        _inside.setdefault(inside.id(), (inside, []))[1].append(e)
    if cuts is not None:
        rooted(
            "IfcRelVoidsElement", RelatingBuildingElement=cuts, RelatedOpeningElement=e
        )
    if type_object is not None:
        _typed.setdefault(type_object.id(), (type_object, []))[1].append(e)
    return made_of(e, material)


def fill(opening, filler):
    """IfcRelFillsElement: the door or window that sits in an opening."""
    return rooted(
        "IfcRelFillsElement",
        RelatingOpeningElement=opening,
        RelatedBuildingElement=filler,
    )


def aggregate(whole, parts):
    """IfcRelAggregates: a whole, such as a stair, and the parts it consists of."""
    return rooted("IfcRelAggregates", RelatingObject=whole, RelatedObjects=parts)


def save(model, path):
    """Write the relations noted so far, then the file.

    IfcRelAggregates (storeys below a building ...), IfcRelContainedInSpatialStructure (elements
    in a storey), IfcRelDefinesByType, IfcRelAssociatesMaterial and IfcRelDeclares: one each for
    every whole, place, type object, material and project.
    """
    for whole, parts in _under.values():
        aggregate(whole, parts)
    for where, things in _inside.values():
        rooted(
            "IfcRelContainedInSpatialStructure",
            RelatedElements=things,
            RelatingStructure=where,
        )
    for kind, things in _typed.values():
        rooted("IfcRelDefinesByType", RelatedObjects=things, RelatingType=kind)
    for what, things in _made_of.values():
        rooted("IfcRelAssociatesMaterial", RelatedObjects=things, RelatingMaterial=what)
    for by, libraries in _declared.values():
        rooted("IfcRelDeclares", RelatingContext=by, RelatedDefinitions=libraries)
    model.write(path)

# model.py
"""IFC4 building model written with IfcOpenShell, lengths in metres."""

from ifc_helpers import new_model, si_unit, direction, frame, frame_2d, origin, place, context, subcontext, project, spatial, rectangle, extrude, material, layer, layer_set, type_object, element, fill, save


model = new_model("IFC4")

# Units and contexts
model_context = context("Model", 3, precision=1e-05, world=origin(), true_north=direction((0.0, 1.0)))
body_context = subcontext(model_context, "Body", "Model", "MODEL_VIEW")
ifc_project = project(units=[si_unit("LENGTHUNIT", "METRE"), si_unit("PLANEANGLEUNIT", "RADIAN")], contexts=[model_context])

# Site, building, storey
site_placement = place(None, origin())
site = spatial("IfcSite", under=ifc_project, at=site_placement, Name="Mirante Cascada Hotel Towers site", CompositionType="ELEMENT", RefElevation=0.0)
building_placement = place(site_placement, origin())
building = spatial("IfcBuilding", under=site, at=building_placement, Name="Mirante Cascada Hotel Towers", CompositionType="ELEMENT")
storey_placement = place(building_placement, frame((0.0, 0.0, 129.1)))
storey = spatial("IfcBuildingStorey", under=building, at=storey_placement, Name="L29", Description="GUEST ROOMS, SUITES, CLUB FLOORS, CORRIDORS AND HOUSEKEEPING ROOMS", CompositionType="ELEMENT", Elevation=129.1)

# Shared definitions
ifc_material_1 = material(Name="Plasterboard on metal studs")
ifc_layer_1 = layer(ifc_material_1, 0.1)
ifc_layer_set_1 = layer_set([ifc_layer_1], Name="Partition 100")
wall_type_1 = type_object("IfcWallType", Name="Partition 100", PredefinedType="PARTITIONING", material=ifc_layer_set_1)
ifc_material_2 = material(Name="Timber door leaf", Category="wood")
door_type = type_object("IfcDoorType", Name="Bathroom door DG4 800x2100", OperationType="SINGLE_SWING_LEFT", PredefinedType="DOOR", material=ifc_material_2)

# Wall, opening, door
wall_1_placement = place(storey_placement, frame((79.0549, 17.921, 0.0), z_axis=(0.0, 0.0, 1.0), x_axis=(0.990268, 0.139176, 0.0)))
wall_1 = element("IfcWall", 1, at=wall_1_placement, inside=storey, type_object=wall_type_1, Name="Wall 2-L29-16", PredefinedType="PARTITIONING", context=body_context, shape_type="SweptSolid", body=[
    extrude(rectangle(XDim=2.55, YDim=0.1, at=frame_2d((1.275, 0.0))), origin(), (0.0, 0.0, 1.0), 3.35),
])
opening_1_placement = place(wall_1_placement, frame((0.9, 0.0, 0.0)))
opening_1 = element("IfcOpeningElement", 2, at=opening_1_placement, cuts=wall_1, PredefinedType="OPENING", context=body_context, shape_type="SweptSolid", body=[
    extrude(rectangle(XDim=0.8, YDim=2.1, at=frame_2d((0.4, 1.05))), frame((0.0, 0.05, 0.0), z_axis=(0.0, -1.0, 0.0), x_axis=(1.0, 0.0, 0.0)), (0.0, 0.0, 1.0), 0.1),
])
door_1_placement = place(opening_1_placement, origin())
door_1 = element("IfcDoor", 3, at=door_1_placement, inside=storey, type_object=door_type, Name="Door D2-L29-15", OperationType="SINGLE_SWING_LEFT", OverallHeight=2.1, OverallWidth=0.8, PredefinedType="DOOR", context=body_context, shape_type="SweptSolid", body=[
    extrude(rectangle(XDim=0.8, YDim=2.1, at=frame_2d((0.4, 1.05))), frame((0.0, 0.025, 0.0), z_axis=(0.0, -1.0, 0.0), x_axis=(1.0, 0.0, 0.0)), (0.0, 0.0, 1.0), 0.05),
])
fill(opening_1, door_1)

....

TASK TO CARRY OUT: Within the data, count the lines that hold the word "libraries". Answer with the figure and nothing more.

RESPONSE TO THE EXERCISE: 2